TASK PROMPT >>
Nothing belongs in the answer except the lines of the material that include "frame".

SUPPLIED RECORDS >>

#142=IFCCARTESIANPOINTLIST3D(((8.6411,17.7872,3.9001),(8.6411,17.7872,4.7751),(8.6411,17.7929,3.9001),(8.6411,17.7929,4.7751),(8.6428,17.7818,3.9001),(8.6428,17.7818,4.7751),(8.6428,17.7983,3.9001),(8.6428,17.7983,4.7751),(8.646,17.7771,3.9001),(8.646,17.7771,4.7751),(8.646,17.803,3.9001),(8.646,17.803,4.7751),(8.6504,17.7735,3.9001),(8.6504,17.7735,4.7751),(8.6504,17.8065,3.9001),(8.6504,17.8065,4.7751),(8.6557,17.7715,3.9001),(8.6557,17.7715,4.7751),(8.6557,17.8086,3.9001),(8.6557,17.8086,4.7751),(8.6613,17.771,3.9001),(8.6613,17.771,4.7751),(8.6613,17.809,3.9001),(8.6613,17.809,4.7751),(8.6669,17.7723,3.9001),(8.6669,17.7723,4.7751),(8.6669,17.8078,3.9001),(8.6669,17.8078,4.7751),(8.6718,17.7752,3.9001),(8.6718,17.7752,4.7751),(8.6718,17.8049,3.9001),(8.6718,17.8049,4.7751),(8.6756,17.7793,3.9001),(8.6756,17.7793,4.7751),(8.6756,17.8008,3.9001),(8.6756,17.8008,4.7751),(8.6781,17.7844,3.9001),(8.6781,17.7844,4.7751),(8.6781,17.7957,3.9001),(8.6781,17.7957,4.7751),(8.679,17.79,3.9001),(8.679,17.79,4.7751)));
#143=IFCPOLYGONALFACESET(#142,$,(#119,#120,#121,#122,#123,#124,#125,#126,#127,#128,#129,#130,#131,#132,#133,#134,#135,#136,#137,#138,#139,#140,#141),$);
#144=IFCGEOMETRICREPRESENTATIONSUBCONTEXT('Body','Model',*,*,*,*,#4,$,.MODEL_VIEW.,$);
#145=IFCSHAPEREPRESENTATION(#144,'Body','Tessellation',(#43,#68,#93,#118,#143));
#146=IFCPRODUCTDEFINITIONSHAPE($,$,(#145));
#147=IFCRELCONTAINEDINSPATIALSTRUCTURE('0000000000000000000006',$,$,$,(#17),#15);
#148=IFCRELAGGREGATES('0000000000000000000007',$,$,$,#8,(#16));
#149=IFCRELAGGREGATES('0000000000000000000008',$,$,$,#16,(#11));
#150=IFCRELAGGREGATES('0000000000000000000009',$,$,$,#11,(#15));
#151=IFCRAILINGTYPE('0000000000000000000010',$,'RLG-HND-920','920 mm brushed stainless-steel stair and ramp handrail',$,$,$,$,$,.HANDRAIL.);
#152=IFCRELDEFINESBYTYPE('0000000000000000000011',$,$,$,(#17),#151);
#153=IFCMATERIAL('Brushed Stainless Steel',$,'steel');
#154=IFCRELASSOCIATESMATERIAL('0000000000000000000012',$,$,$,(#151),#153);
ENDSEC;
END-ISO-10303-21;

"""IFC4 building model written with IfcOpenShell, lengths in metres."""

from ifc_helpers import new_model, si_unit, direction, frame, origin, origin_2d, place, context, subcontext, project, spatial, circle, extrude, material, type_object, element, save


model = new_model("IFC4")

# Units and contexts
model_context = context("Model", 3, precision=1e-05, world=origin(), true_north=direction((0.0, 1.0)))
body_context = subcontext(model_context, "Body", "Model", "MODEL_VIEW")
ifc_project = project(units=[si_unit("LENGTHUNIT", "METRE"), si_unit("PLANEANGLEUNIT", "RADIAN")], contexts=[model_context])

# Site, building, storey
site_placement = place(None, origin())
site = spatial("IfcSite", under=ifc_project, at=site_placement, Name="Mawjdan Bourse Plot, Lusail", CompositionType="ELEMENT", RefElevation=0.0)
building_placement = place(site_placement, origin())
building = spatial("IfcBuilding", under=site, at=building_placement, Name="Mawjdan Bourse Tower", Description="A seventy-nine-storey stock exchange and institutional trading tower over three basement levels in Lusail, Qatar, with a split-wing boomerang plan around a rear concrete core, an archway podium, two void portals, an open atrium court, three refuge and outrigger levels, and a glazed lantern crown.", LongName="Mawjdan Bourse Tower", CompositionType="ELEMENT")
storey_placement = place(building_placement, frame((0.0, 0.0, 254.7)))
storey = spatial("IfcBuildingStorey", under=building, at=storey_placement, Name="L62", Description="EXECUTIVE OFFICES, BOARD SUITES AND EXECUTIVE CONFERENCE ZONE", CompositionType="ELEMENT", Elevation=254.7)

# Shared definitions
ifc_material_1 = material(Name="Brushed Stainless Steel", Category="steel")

REPLY >>
from ifc_helpers import new_model, si_unit, direction, frame, origin, origin_2d, place, context, subcontext, project, spatial, circle, extrude, material, type_object, element, save
storey_placement = place(building_placement, frame((0.0, 0.0, 254.7)))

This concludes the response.